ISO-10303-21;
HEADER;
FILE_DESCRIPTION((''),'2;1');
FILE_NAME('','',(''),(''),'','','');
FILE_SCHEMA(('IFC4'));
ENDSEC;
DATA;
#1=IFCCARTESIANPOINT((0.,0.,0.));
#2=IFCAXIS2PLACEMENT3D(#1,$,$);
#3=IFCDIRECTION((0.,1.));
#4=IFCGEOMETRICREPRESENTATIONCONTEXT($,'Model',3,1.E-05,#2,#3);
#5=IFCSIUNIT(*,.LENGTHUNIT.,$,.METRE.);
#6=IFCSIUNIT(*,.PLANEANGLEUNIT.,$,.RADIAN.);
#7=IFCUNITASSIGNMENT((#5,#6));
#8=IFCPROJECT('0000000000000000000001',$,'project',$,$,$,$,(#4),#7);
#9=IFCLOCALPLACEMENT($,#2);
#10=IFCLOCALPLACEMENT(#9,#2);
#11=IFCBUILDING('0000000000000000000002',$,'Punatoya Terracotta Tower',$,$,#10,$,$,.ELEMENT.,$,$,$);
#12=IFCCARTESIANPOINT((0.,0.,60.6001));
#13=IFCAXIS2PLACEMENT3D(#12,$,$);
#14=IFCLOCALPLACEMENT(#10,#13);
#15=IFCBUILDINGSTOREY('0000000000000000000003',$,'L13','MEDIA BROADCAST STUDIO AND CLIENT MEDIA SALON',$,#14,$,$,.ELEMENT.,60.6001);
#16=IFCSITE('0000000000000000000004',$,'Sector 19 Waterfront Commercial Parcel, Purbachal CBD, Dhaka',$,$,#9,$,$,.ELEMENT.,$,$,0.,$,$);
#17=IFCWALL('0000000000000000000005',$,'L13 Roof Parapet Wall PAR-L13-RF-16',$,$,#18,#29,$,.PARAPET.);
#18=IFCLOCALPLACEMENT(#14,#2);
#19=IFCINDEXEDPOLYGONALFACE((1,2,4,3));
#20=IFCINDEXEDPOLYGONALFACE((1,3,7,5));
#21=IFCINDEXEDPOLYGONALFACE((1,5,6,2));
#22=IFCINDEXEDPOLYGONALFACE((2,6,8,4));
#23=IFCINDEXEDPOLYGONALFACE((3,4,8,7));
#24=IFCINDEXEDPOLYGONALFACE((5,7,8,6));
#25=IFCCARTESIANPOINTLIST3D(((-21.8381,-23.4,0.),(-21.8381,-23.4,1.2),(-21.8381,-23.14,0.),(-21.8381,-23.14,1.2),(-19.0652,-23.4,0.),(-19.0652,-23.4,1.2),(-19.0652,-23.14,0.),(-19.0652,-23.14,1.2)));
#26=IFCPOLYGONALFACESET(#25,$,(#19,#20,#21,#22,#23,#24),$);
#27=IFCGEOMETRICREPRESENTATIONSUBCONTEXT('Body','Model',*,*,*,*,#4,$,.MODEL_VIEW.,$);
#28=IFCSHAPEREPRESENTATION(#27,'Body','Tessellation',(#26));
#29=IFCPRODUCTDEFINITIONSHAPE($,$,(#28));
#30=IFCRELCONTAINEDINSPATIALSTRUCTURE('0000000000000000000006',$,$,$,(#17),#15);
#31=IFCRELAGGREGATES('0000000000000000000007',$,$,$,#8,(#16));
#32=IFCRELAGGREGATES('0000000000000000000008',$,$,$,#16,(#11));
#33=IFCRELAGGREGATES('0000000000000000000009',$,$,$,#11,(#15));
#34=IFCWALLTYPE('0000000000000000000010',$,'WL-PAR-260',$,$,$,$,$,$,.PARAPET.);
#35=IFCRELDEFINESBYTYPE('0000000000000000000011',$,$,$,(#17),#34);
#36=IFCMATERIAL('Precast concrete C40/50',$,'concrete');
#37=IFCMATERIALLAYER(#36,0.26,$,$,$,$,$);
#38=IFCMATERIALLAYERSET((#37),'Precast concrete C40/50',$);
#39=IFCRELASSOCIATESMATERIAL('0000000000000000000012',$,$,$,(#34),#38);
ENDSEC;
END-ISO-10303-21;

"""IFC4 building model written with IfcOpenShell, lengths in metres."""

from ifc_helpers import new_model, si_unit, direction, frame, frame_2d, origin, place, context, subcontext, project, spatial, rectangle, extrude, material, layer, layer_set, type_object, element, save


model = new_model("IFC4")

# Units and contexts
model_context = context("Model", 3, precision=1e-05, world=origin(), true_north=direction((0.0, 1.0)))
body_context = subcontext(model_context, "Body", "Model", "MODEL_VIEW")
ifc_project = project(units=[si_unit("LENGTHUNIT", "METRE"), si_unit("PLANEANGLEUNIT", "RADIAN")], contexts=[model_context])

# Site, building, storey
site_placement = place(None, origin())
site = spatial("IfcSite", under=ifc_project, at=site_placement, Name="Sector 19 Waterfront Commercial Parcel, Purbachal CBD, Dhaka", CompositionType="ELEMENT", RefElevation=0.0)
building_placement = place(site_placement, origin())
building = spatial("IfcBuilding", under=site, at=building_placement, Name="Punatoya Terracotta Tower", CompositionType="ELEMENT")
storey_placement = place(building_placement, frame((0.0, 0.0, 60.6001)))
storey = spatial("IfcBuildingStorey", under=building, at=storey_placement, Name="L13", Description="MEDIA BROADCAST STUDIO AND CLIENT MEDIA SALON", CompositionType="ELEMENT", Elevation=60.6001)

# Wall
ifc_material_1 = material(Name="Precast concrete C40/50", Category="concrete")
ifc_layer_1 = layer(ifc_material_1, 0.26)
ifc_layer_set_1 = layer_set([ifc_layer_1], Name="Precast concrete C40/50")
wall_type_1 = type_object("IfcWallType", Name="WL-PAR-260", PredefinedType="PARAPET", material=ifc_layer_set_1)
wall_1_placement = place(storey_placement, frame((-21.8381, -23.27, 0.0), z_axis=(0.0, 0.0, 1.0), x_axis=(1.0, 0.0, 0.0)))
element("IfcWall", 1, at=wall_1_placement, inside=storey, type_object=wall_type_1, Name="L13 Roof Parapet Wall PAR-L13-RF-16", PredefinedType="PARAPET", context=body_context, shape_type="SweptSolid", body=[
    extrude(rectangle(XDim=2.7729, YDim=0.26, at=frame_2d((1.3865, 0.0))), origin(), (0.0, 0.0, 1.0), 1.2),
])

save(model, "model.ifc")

What to do - Lines wanted from the listing above: the line with "#29=IFCPRODUCTDEFINITIONSHAPE($,$,(#28));" up to and including the line with "END-ISO-10303-21;". Please write them out exactly, adding nothing else.

Written response -
#29=IFCPRODUCTDEFINITIONSHAPE($,$,(#28));
#30=IFCRELCONTAINEDINSPATIALSTRUCTURE('0000000000000000000006',$,$,$,(#17),#15);
#31=IFCRELAGGREGATES('0000000000000000000007',$,$,$,#8,(#16));
#32=IFCRELAGGREGATES('0000000000000000000008',$,$,$,#16,(#11));
#33=IFCRELAGGREGATES('0000000000000000000009',$,$,$,#11,(#15));
#34=IFCWALLTYPE('0000000000000000000010',$,'WL-PAR-260',$,$,$,$,$,$,.PARAPET.);
#35=IFCRELDEFINESBYTYPE('0000000000000000000011',$,$,$,(#17),#34);
#36=IFCMATERIAL('Precast concrete C40/50',$,'concrete');
#37=IFCMATERIALLAYER(#36,0.26,$,$,$,$,$);
#38=IFCMATERIALLAYERSET((#37),'Precast concrete C40/50',$);
#39=IFCRELASSOCIATESMATERIAL('0000000000000000000012',$,$,$,(#34),#38);
ENDSEC;
END-ISO-10303-21;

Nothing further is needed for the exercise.